### Work item
Only the stretch of the listing below that runs from the line with "#39=IFCINDEXEDPOLYGONALFACE((34,38,40,36));" through the line with "#41=IFCINDEXEDPOLYGONALFACE((38,41,42,40));" is to be printed, exactly and with both ends.

######

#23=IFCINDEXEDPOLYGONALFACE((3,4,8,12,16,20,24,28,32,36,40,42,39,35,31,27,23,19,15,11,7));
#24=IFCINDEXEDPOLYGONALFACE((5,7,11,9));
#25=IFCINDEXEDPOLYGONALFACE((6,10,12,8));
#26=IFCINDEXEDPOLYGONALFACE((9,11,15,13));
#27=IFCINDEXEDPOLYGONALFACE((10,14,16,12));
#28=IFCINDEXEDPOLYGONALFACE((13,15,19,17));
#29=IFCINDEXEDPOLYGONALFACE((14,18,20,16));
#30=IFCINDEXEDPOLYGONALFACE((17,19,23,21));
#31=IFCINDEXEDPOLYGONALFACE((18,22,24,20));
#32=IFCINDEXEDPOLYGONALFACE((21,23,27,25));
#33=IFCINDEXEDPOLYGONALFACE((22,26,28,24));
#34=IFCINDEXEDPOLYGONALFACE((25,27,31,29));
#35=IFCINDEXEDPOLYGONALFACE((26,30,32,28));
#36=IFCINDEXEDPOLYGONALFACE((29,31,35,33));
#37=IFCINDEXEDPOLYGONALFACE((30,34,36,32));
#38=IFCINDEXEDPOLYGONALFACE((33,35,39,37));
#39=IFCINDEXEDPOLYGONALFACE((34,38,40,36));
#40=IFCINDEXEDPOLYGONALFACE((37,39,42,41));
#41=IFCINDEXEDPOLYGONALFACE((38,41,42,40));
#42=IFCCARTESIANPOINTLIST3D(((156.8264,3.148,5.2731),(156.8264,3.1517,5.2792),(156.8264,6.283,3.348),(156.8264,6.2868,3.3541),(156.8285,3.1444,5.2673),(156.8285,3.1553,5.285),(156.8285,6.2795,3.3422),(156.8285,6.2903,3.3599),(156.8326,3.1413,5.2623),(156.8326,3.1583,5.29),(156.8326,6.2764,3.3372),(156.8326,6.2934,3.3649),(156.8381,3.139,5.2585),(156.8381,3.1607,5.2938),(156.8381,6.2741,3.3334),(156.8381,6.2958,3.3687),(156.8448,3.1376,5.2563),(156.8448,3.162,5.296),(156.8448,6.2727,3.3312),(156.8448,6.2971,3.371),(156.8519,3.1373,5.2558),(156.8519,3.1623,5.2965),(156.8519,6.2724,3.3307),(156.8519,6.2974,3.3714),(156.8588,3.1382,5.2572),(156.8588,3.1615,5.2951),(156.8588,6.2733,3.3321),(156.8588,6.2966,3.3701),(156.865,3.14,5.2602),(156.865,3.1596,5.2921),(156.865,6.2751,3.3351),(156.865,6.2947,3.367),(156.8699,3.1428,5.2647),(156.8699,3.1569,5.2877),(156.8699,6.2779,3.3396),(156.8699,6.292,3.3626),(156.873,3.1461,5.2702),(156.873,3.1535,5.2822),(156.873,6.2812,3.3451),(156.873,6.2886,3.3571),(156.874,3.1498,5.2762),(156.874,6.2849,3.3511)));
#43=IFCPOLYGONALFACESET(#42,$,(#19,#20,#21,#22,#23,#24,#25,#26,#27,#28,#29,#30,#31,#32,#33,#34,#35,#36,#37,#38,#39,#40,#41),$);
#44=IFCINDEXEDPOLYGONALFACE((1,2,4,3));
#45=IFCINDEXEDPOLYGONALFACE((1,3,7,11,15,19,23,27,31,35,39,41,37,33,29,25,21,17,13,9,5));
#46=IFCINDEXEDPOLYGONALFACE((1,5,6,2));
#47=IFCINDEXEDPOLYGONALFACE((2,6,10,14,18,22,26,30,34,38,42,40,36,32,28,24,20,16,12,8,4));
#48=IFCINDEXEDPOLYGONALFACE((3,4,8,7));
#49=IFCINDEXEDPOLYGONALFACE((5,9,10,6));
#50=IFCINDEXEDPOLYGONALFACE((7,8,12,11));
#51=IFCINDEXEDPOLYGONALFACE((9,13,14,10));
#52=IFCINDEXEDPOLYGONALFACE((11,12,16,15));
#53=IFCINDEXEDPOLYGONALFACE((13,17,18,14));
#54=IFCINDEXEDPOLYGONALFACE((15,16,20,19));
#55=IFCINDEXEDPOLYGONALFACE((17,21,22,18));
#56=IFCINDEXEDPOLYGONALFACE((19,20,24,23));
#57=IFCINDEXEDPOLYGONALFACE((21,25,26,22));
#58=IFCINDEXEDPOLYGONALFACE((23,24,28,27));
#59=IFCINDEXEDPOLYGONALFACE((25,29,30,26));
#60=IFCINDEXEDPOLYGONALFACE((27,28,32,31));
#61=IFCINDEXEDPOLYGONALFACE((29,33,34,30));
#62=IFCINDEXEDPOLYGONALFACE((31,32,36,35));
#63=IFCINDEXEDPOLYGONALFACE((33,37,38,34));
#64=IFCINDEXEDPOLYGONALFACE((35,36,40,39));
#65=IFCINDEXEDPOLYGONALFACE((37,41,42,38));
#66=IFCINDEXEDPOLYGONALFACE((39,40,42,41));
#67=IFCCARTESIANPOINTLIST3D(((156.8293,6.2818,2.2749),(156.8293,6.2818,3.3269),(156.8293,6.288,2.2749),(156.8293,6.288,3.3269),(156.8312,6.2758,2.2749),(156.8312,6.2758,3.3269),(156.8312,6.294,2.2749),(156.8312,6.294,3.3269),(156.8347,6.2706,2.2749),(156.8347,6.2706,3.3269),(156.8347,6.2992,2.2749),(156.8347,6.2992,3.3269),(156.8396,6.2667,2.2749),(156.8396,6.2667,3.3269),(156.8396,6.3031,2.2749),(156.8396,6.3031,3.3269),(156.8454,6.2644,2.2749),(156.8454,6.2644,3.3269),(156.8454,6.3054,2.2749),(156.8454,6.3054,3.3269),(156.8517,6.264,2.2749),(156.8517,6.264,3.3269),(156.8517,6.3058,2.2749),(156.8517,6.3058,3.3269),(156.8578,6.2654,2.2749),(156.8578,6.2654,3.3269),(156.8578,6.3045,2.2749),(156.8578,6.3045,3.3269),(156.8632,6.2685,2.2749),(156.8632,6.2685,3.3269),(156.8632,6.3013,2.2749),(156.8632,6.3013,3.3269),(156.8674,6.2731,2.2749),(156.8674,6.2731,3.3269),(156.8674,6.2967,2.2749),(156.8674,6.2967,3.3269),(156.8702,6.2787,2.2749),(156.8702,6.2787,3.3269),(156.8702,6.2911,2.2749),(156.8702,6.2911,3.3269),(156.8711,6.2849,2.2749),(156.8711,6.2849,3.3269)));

######

### Problem solution
#39=IFCINDEXEDPOLYGONALFACE((34,38,40,36));
#40=IFCINDEXEDPOLYGONALFACE((37,39,42,41));
#41=IFCINDEXEDPOLYGONALFACE((38,41,42,40));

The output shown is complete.